### DATA SUPPLIED
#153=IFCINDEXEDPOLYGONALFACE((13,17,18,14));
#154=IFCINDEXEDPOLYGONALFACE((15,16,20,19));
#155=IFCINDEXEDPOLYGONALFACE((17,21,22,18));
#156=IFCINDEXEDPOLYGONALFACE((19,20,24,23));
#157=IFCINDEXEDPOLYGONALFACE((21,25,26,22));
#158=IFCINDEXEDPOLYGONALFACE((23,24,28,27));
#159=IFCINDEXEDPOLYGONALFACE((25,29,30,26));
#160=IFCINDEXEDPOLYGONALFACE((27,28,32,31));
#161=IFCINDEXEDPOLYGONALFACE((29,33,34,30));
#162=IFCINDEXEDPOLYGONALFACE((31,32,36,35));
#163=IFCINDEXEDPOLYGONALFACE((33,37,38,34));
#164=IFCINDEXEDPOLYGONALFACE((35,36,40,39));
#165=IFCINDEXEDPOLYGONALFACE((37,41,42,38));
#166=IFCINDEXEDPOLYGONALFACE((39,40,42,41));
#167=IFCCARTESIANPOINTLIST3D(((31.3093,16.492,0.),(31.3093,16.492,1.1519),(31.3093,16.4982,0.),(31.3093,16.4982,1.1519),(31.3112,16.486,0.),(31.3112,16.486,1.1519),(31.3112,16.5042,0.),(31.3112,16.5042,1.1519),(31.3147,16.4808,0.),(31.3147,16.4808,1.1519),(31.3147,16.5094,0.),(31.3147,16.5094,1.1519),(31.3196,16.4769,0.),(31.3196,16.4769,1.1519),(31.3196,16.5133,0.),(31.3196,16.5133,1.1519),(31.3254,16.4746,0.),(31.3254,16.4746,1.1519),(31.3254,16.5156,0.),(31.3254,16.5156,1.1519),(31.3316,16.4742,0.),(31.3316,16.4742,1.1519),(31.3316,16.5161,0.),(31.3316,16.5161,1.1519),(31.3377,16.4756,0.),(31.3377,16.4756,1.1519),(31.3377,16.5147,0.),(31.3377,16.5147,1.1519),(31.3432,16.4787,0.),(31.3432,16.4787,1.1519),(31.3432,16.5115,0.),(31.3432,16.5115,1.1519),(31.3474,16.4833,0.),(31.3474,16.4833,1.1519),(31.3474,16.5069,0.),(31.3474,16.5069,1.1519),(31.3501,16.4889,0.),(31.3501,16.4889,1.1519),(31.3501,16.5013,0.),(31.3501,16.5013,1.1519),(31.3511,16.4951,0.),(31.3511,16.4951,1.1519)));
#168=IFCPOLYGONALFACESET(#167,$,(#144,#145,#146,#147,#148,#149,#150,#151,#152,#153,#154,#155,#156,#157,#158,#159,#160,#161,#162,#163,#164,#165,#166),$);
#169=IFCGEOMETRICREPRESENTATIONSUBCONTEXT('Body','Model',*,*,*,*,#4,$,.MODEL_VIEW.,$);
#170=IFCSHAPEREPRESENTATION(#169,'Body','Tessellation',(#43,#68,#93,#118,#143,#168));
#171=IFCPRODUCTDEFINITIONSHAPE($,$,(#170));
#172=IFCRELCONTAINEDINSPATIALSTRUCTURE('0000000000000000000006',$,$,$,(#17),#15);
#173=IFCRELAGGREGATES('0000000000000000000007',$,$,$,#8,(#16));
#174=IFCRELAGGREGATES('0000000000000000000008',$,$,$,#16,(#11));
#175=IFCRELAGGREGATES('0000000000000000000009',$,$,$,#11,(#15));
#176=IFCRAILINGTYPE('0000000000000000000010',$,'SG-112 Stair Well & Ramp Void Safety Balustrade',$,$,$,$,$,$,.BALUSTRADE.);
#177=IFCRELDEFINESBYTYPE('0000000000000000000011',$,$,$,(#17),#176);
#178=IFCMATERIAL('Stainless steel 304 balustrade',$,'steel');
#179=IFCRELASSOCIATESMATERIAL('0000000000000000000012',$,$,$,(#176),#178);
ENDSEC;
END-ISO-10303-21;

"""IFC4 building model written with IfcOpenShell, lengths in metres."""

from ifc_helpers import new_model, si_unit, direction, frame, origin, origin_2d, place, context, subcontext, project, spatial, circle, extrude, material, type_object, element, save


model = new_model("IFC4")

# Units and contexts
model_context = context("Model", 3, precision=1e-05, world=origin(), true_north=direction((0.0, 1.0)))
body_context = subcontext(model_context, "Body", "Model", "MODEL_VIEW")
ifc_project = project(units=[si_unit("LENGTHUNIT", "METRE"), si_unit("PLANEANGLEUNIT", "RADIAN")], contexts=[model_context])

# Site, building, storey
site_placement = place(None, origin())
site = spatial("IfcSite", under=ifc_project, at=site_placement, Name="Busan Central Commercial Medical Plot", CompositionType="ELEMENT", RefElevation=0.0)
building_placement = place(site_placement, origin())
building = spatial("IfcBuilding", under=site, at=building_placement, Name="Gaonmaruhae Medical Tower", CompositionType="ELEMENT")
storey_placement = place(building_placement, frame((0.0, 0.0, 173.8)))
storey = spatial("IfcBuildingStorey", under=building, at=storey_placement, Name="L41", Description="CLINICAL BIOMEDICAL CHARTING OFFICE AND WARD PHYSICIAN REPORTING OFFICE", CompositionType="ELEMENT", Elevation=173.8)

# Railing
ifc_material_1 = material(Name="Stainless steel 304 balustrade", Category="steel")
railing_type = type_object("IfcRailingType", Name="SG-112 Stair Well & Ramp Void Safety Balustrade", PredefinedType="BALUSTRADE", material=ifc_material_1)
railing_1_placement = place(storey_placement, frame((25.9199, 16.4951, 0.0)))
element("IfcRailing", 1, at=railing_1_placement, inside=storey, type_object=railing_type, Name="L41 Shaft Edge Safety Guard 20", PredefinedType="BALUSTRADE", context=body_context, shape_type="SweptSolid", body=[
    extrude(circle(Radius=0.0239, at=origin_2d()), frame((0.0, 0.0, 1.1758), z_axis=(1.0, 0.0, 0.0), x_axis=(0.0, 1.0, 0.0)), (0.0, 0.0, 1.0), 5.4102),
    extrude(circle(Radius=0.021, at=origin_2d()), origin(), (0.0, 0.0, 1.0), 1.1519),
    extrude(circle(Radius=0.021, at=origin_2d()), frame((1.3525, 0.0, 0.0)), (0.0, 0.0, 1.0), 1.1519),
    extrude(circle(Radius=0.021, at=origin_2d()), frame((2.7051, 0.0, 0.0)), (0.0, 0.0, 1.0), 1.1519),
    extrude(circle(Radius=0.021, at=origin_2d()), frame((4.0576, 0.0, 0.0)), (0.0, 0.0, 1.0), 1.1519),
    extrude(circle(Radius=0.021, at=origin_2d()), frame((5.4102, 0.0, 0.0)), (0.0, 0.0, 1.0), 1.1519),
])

### EXERCISE REQUIREMENTS
Nothing but a number belongs in the answer: the number of lines above that contain "PredefinedType".

### ANSWER FOR THIS EXERCISE
2